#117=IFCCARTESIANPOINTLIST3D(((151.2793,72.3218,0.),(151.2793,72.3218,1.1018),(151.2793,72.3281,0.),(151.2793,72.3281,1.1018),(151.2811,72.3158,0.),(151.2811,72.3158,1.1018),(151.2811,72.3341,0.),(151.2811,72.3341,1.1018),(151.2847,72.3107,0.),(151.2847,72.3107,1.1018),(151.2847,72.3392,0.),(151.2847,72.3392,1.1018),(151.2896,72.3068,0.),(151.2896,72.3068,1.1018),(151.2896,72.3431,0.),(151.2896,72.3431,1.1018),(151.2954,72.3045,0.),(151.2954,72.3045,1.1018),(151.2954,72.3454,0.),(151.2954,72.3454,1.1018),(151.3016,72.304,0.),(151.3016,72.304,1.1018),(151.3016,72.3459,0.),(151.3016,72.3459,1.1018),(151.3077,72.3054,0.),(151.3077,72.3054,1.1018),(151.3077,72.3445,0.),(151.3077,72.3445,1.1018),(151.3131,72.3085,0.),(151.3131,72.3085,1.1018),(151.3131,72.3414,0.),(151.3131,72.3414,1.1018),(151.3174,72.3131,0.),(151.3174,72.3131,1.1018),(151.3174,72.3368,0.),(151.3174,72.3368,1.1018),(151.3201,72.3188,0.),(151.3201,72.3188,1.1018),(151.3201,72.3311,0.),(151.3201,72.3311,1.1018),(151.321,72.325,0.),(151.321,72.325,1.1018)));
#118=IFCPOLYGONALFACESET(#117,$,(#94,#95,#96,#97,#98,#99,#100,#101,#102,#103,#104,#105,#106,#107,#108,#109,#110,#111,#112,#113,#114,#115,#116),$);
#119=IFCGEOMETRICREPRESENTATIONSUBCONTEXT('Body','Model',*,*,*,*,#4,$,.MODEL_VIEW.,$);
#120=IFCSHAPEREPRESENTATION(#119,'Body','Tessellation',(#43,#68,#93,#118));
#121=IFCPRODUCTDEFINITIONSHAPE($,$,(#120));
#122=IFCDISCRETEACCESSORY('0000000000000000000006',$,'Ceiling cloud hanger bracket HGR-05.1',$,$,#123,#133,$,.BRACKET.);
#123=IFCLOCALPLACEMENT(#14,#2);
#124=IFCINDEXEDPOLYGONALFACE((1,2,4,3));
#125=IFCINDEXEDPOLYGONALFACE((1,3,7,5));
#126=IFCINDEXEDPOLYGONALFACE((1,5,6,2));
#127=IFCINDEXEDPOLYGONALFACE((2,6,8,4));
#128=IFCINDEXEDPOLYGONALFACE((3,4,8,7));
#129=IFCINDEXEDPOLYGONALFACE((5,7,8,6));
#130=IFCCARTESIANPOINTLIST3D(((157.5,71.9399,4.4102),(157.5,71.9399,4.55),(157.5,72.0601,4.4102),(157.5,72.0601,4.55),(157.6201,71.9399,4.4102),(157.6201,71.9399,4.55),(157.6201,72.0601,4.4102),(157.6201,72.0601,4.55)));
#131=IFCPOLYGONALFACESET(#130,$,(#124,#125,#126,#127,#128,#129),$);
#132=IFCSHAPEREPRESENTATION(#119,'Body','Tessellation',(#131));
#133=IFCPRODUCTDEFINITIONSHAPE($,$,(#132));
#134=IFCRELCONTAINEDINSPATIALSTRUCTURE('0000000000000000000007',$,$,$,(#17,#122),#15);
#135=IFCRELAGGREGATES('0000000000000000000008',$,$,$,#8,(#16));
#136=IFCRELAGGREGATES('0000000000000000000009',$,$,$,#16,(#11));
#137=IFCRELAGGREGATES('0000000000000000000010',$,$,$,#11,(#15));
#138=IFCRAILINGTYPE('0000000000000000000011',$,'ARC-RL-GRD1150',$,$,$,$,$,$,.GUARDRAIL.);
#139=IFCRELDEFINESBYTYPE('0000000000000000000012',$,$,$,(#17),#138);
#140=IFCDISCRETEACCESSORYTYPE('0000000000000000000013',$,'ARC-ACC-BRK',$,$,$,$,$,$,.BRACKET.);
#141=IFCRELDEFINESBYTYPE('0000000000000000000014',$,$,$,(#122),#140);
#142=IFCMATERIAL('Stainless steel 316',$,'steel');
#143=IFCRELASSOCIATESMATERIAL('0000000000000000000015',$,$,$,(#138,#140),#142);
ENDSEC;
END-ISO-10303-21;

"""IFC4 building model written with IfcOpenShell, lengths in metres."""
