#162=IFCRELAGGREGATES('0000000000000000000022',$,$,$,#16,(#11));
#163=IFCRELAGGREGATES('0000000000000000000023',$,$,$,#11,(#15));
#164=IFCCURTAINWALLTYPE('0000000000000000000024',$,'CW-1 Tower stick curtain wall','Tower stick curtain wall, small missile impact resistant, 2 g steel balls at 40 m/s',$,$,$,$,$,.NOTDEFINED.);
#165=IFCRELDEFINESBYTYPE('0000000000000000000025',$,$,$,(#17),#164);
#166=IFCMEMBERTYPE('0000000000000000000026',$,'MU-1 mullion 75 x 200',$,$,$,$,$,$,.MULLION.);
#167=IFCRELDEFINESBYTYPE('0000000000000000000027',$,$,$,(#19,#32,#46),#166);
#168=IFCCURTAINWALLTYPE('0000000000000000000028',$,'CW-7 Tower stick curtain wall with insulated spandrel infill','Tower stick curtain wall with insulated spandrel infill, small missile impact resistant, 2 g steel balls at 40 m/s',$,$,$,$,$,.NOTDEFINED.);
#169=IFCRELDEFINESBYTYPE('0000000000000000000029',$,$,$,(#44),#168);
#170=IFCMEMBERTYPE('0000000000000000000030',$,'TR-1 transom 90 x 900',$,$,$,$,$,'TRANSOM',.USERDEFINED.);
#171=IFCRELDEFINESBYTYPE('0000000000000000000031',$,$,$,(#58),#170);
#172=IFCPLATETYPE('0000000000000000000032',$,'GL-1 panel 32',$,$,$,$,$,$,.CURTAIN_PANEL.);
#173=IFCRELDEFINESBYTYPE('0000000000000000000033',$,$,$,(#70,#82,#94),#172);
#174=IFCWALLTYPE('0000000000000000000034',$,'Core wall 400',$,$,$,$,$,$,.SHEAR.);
------------------------------
(Activity)
Each of the entries must be set down exactly, none omitted.

(Result below)
#117=IFCCARTESIANPOINTLIST3D(((151.2793,72.3218,0.),(151.2793,72.3218,1.1018),(151.2793,72.3281,0.),(151.2793,72.3281,1.1018),(151.2811,72.3158,0.),(151.2811,72.3158,1.1018),(151.2811,72.3341,0.),(151.2811,72.3341,1.1018),(151.2847,72.3107,0.),(151.2847,72.3107,1.1018),(151.2847,72.3392,0.),(151.2847,72.3392,1.1018),(151.2896,72.3068,0.),(151.2896,72.3068,1.1018),(151.2896,72.3431,0.),(151.2896,72.3431,1.1018),(151.2954,72.3045,0.),(151.2954,72.3045,1.1018),(151.2954,72.3454,0.),(151.2954,72.3454,1.1018),(151.3016,72.304,0.),(151.3016,72.304,1.1018),(151.3016,72.3459,0.),(151.3016,72.3459,1.1018),(151.3077,72.3054,0.),(151.3077,72.3054,1.1018),(151.3077,72.3445,0.),(151.3077,72.3445,1.1018),(151.3131,72.3085,0.),(151.3131,72.3085,1.1018),(151.3131,72.3414,0.),(151.3131,72.3414,1.1018),(151.3174,72.3131,0.),(151.3174,72.3131,1.1018),(151.3174,72.3368,0.),(151.3174,72.3368,1.1018),(151.3201,72.3188,0.),(151.3201,72.3188,1.1018),(151.3201,72.3311,0.),(151.3201,72.3311,1.1018),(151.321,72.325,0.),(151.321,72.325,1.1018)));
#118=IFCPOLYGONALFACESET(#117,$,(#94,#95,#96,#97,#98,#99,#100,#101,#102,#103,#104,#105,#106,#107,#108,#109,#110,#111,#112,#113,#114,#115,#116),$);
#119=IFCGEOMETRICREPRESENTATIONSUBCONTEXT('Body','Model',*,*,*,*,#4,$,.MODEL_VIEW.,$);
#120=IFCSHAPEREPRESENTATION(#119,'Body','Tessellation',(#43,#68,#93,#118));
#121=IFCPRODUCTDEFINITIONSHAPE($,$,(#120));
#122=IFCDISCRETEACCESSORY('0000000000000000000006',$,'Ceiling cloud hanger bracket HGR-05.1',$,$,#123,#133,$,.BRACKET.);
#123=IFCLOCALPLACEMENT(#14,#2);
#124=IFCINDEXEDPOLYGONALFACE((1,2,4,3));
#125=IFCINDEXEDPOLYGONALFACE((1,3,7,5));
#126=IFCINDEXEDPOLYGONALFACE((1,5,6,2));
#127=IFCINDEXEDPOLYGONALFACE((2,6,8,4));
#128=IFCINDEXEDPOLYGONALFACE((3,4,8,7));
#129=IFCINDEXEDPOLYGONALFACE((5,7,8,6));
#130=IFCCARTESIANPOINTLIST3D(((157.5,71.9399,4.4102),(157.5,71.9399,4.55),(157.5,72.0601,4.4102),(157.5,72.0601,4.55),(157.6201,71.9399,4.4102),(157.6201,71.9399,4.55),(157.6201,72.0601,4.4102),(157.6201,72.0601,4.55)));
#131=IFCPOLYGONALFACESET(#130,$,(#124,#125,#126,#127,#128,#129),$);
#132=IFCSHAPEREPRESENTATION(#119,'Body','Tessellation',(#131));
#133=IFCPRODUCTDEFINITIONSHAPE($,$,(#132));
#134=IFCRELCONTAINEDINSPATIALSTRUCTURE('0000000000000000000007',$,$,$,(#17,#122),#15);
#135=IFCRELAGGREGATES('0000000000000000000008',$,$,$,#8,(#16));
#136=IFCRELAGGREGATES('0000000000000000000009',$,$,$,#16,(#11));
#137=IFCRELAGGREGATES('0000000000000000000010',$,$,$,#11,(#15));
#138=IFCRAILINGTYPE('0000000000000000000011',$,'ARC-RL-GRD1150',$,$,$,$,$,$,.GUARDRAIL.);
#139=IFCRELDEFINESBYTYPE('0000000000000000000012',$,$,$,(#17),#138);
#140=IFCDISCRETEACCESSORYTYPE('0000000000000000000013',$,'ARC-ACC-BRK',$,$,$,$,$,$,.BRACKET.);
#141=IFCRELDEFINESBYTYPE('0000000000000000000014',$,$,$,(#122),#140);
#142=IFCMATERIAL('Stainless steel 316',$,'steel');
#143=IFCRELASSOCIATESMATERIAL('0000000000000000000015',$,$,$,(#138,#140),#142);
ENDSEC;
END-ISO-10303-21;

"""IFC4 building model written with IfcOpenShell, lengths in metres."""
#162=IFCRELAGGREGATES('0000000000000000000022',$,$,$,#16,(#11));
#163=IFCRELAGGREGATES('0000000000000000000023',$,$,$,#11,(#15));
#164=IFCCURTAINWALLTYPE('0000000000000000000024',$,'CW-1 Tower stick curtain wall','Tower stick curtain wall, small missile impact resistant, 2 g steel balls at 40 m/s',$,$,$,$,$,.NOTDEFINED.);
#165=IFCRELDEFINESBYTYPE('0000000000000000000025',$,$,$,(#17),#164);
#166=IFCMEMBERTYPE('0000000000000000000026',$,'MU-1 mullion 75 x 200',$,$,$,$,$,$,.MULLION.);
#167=IFCRELDEFINESBYTYPE('0000000000000000000027',$,$,$,(#19,#32,#46),#166);
#168=IFCCURTAINWALLTYPE('0000000000000000000028',$,'CW-7 Tower stick curtain wall with insulated spandrel infill','Tower stick curtain wall with insulated spandrel infill, small missile impact resistant, 2 g steel balls at 40 m/s',$,$,$,$,$,.NOTDEFINED.);
#169=IFCRELDEFINESBYTYPE('0000000000000000000029',$,$,$,(#44),#168);
#170=IFCMEMBERTYPE('0000000000000000000030',$,'TR-1 transom 90 x 900',$,$,$,$,$,'TRANSOM',.USERDEFINED.);
#171=IFCRELDEFINESBYTYPE('0000000000000000000031',$,$,$,(#58),#170);
#172=IFCPLATETYPE('0000000000000000000032',$,'GL-1 panel 32',$,$,$,$,$,$,.CURTAIN_PANEL.);
#173=IFCRELDEFINESBYTYPE('0000000000000000000033',$,$,$,(#70,#82,#94),#172);
#174=IFCWALLTYPE('0000000000000000000034',$,'Core wall 400',$,$,$,$,$,$,.SHEAR.);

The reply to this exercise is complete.